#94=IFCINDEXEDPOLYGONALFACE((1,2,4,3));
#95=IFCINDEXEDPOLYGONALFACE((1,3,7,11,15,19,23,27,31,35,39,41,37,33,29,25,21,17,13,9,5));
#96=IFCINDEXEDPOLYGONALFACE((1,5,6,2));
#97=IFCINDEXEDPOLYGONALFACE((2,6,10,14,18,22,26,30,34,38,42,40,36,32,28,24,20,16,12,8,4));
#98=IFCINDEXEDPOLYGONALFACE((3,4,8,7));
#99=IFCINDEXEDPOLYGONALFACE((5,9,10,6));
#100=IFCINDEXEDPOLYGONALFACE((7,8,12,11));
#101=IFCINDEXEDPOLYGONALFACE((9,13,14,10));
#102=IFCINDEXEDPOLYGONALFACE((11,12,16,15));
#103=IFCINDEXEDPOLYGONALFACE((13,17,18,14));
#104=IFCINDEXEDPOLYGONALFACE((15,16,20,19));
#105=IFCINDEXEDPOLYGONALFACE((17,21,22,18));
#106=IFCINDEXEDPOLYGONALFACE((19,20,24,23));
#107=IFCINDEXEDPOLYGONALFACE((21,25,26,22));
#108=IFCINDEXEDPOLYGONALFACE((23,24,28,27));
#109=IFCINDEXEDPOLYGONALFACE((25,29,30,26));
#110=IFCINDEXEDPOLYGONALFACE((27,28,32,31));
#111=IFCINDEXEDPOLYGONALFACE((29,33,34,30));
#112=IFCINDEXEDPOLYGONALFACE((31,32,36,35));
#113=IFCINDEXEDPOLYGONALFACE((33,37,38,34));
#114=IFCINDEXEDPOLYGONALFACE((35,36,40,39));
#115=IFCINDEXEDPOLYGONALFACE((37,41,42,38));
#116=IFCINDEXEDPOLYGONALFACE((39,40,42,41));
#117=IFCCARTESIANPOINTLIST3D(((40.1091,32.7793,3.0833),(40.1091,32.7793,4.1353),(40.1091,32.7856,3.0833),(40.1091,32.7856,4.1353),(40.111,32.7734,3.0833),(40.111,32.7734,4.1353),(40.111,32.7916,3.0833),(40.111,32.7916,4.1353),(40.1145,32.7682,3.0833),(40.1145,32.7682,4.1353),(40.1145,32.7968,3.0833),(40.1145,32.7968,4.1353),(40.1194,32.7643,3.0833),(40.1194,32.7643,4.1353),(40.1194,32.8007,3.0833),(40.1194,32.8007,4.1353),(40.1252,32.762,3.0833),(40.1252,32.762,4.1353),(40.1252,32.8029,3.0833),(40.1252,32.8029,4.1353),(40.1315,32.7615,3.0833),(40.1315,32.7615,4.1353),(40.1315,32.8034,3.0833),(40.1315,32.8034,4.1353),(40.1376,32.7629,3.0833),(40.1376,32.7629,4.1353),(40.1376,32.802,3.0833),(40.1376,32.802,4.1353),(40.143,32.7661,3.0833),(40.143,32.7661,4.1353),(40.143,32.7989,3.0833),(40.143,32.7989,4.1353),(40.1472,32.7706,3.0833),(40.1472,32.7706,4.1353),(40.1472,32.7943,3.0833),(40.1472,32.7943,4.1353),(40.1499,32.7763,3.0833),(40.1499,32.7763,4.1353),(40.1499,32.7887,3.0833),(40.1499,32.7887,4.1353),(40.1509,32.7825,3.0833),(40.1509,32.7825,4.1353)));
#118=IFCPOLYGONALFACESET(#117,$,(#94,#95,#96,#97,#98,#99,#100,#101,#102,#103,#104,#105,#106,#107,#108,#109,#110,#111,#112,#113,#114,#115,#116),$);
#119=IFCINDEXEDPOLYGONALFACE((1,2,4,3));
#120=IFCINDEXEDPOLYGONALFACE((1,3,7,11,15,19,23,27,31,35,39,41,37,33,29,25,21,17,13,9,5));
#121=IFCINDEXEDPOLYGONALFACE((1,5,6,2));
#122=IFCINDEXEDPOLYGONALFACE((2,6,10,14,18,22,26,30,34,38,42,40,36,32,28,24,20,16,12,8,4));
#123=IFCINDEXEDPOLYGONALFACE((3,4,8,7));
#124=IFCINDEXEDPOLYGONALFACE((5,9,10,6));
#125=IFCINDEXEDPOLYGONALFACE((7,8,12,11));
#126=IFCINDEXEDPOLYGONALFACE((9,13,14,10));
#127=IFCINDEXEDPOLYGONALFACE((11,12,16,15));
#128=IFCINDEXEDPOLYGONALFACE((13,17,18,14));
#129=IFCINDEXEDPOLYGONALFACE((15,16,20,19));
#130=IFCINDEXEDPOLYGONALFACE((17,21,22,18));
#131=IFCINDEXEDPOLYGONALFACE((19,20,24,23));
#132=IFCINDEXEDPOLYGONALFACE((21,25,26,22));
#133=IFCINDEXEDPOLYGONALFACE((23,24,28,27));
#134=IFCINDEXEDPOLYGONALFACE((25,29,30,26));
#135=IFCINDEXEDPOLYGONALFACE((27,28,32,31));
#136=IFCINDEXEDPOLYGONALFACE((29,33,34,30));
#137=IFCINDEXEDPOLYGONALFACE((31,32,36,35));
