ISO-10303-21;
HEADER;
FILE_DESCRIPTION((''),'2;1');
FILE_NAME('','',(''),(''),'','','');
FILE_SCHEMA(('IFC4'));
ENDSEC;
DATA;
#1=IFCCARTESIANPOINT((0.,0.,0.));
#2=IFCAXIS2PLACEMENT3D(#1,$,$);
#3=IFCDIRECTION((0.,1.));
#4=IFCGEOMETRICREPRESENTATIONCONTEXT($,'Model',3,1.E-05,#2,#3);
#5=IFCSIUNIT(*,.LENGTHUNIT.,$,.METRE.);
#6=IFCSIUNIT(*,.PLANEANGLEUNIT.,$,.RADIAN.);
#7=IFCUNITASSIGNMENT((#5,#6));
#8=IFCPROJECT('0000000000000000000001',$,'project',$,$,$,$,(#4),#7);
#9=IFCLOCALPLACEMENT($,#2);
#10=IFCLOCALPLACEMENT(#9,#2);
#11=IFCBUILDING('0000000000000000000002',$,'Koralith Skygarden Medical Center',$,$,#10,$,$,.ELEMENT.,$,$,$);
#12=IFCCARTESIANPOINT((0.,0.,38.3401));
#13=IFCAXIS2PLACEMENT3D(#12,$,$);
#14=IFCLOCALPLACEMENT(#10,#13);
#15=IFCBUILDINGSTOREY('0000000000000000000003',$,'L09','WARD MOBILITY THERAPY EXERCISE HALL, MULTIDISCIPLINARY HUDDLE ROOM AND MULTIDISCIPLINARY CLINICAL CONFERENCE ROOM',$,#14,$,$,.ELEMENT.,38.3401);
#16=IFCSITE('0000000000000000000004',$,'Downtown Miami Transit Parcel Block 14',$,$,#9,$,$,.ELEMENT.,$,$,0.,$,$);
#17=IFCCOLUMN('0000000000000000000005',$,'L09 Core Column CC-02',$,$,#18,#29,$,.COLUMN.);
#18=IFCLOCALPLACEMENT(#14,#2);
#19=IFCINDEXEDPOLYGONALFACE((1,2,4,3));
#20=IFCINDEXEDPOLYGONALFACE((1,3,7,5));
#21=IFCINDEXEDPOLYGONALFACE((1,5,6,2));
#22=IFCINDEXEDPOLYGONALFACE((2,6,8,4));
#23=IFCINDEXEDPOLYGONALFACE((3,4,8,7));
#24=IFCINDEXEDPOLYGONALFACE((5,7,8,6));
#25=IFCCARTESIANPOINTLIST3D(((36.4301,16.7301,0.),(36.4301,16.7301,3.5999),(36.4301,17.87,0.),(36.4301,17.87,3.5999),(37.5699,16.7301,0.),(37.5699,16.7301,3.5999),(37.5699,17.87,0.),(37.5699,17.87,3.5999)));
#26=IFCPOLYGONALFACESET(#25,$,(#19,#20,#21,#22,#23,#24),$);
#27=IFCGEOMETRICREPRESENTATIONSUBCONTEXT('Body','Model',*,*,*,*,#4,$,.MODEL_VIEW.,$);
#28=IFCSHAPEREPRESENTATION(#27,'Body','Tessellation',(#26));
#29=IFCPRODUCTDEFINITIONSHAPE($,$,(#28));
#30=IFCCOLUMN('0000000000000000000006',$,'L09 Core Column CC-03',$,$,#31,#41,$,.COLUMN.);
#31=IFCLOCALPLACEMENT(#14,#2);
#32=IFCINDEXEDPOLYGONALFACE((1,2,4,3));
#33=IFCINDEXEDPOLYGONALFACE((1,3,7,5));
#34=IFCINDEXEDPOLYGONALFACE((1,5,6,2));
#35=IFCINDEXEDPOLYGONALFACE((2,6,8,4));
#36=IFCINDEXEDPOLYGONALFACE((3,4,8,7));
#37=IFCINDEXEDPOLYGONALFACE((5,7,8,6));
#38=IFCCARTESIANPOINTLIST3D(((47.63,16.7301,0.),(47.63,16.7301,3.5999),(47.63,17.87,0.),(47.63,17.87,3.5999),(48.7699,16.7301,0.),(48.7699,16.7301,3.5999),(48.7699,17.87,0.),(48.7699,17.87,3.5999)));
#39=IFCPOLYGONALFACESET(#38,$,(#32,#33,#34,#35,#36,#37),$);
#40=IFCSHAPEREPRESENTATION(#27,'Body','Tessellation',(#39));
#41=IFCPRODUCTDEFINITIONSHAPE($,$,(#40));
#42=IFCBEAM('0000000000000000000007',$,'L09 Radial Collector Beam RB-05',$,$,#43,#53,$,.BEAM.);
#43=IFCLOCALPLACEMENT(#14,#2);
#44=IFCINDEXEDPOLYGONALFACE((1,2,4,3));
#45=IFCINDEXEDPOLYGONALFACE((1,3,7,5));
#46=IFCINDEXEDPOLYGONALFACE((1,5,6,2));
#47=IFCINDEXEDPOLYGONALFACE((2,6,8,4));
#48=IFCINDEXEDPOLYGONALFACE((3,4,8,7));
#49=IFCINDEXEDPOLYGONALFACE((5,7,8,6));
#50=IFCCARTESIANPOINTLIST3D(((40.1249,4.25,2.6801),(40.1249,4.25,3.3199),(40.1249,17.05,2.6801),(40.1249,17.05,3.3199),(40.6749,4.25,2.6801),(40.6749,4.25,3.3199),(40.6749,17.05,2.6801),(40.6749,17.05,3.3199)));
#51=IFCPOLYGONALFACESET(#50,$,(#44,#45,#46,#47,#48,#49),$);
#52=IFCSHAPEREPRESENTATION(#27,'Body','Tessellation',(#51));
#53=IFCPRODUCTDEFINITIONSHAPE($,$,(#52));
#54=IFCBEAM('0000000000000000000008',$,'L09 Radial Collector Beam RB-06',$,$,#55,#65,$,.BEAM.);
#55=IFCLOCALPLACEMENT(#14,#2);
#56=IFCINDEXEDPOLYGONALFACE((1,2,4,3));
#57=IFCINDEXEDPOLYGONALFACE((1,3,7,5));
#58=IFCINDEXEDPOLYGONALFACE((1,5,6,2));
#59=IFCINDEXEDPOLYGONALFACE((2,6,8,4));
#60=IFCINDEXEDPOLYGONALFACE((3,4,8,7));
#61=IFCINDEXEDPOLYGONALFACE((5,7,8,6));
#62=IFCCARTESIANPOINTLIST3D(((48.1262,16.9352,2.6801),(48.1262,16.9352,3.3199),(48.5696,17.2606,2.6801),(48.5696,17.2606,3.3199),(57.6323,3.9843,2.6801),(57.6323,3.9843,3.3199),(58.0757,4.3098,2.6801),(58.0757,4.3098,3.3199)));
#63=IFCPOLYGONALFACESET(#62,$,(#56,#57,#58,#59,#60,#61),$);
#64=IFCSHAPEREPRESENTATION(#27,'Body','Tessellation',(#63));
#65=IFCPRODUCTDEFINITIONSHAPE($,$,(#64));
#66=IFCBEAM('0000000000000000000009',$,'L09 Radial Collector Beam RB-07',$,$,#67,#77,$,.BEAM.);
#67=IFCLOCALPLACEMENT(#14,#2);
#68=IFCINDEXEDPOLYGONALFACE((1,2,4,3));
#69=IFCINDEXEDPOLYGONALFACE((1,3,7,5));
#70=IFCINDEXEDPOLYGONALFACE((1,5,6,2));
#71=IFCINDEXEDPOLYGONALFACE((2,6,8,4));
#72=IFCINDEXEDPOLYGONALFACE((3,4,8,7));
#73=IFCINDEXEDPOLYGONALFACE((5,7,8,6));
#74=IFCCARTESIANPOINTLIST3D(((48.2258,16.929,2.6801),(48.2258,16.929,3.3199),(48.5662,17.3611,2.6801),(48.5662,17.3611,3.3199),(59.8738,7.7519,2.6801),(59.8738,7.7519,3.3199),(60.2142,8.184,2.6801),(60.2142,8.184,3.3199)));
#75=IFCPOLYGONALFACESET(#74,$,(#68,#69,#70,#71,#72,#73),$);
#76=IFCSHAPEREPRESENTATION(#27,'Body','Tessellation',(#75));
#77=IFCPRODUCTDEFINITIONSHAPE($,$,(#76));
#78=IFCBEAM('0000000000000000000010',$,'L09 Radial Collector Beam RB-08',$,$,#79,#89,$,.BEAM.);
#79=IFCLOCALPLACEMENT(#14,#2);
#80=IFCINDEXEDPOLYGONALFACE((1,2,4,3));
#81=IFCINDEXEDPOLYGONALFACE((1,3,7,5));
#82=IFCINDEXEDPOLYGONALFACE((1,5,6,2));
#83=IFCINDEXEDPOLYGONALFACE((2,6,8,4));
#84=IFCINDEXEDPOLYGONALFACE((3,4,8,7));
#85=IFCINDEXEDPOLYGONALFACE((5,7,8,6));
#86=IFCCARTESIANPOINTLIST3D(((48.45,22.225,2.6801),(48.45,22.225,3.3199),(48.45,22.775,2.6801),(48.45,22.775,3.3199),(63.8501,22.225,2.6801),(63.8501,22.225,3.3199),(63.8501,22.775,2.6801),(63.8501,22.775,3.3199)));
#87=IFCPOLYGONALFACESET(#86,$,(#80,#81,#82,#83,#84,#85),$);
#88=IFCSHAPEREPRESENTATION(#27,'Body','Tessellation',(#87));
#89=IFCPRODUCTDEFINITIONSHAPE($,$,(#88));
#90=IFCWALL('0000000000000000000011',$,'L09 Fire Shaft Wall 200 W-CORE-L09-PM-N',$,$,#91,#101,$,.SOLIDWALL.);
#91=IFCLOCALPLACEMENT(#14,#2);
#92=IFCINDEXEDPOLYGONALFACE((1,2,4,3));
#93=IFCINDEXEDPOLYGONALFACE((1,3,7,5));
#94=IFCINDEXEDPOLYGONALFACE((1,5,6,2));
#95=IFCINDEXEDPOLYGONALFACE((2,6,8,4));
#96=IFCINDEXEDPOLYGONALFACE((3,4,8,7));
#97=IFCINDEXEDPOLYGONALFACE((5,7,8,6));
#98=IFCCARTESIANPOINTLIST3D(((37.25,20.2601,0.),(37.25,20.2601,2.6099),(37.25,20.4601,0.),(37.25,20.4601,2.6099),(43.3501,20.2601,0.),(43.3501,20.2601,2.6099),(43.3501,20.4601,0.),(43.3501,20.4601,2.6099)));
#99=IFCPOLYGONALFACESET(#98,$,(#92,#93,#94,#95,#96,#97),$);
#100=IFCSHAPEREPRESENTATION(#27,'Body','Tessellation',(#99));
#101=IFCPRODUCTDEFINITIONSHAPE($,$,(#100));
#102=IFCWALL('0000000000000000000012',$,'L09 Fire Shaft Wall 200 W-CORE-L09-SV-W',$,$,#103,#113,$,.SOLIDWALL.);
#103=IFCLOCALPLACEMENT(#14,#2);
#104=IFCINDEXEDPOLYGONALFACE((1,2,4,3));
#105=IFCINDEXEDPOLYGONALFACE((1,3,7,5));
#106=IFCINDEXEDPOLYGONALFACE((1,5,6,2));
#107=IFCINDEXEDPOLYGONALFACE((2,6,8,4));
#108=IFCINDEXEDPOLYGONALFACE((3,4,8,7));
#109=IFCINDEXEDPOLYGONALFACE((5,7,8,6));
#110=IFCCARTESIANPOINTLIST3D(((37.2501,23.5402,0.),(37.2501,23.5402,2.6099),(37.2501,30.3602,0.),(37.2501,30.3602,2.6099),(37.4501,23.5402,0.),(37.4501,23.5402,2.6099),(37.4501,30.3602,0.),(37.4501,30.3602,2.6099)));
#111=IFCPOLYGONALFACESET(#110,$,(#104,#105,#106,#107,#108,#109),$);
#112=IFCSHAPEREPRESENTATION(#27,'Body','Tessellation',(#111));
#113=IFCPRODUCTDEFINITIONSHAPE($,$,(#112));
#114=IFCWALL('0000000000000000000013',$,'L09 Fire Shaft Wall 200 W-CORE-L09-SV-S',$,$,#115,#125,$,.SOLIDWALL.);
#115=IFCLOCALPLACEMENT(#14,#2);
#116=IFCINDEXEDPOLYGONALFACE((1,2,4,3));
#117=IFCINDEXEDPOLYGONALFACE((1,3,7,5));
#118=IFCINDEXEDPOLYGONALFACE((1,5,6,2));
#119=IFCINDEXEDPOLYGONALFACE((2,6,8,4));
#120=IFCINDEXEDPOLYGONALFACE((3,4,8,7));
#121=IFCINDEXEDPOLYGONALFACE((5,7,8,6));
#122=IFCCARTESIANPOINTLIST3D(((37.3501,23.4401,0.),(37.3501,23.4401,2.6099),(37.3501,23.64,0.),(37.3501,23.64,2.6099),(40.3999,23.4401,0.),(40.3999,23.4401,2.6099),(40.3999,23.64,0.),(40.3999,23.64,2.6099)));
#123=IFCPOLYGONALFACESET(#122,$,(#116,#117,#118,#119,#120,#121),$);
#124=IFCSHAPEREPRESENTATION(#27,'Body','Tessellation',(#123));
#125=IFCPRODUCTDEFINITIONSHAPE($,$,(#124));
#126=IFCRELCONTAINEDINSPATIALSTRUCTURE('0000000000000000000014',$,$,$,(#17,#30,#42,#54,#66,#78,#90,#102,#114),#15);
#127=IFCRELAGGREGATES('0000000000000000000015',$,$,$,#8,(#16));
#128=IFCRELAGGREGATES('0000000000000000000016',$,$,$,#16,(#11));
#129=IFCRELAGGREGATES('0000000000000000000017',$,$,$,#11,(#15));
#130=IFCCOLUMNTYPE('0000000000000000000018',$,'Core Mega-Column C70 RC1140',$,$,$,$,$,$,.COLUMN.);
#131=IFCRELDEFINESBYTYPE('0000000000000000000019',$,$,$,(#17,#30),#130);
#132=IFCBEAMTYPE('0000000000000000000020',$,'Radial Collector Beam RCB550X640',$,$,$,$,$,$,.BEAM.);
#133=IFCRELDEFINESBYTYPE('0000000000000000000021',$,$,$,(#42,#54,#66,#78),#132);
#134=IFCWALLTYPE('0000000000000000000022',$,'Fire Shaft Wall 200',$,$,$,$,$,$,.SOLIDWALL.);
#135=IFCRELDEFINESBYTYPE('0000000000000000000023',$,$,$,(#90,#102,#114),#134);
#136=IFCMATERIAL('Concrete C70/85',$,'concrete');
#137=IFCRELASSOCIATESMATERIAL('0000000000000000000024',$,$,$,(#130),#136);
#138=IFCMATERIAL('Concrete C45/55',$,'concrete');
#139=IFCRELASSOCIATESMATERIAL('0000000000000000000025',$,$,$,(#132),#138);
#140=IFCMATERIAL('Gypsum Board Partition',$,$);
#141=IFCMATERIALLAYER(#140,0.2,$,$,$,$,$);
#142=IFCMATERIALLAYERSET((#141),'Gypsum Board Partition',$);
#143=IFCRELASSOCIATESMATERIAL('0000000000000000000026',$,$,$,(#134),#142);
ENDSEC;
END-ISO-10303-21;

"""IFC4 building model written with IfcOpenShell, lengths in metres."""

from ifc_helpers import new_model, si_unit, direction, frame, frame_2d, origin, origin_2d, place, context, subcontext, project, spatial, rectangle, extrude, material, layer, layer_set, material_profile, profile_set, type_object, element, save


model = new_model("IFC4")

# Units and contexts
model_context = context("Model", 3, precision=1e-05, world=origin(), true_north=direction((0.0, 1.0)))
body_context = subcontext(model_context, "Body", "Model", "MODEL_VIEW")
ifc_project = project(units=[si_unit("LENGTHUNIT", "METRE"), si_unit("PLANEANGLEUNIT", "RADIAN")], contexts=[model_context])

# Site, building, storey
site_placement = place(None, origin())
site = spatial("IfcSite", under=ifc_project, at=site_placement, Name="Downtown Miami Transit Parcel Block 14", CompositionType="ELEMENT", RefElevation=0.0)
building_placement = place(site_placement, origin())
building = spatial("IfcBuilding", under=site, at=building_placement, Name="Koralith Skygarden Medical Center", CompositionType="ELEMENT")
storey_placement = place(building_placement, frame((0.0, 0.0, 38.3401)))
storey = spatial("IfcBuildingStorey", under=building, at=storey_placement, Name="L09", Description="WARD MOBILITY THERAPY EXERCISE HALL, MULTIDISCIPLINARY HUDDLE ROOM AND MULTIDISCIPLINARY CLINICAL CONFERENCE ROOM", CompositionType="ELEMENT", Elevation=38.3401)

# Columns
ifc_material_1 = material(Name="Concrete C70/85", Category="concrete")
ifc_material_profile_1 = material_profile(ifc_material_1, rectangle(XDim=1.1399, YDim=1.1399, at=origin_2d()), Name="RC1140X1140")
ifc_profile_set_1 = profile_set([ifc_material_profile_1], Name="Concrete C70/85")
column_type = type_object("IfcColumnType", Name="Core Mega-Column C70 RC1140", PredefinedType="COLUMN", material=ifc_profile_set_1)
for number, where, z_axis, x_axis, name in (
    (1, (37.0, 17.3, 0.0), (0.0, 0.0, 1.0), (1.0, 0.0, 0.0), "L09 Core Column CC-02"),
    (2, (48.2, 17.3, 0.0), (0.0, 0.0, 1.0), (1.0, 0.0, 0.0), "L09 Core Column CC-03"),
):
    element("IfcColumn", number, at=place(storey_placement, frame(where, z_axis=z_axis, x_axis=x_axis)), inside=storey, type_object=column_type, Name=name, PredefinedType="COLUMN", context=body_context, shape_type="SweptSolid", body=[
        extrude(rectangle(XDim=1.1399, YDim=1.1399, at=origin_2d()), origin(), (0.0, 0.0, 1.0), 3.5999),
    ])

**WHAT THE TASK REQUIRES**
Lines of the listing that contain the word "Radial" are to be counted; report only their number.

**OUTPUT BELOW**
5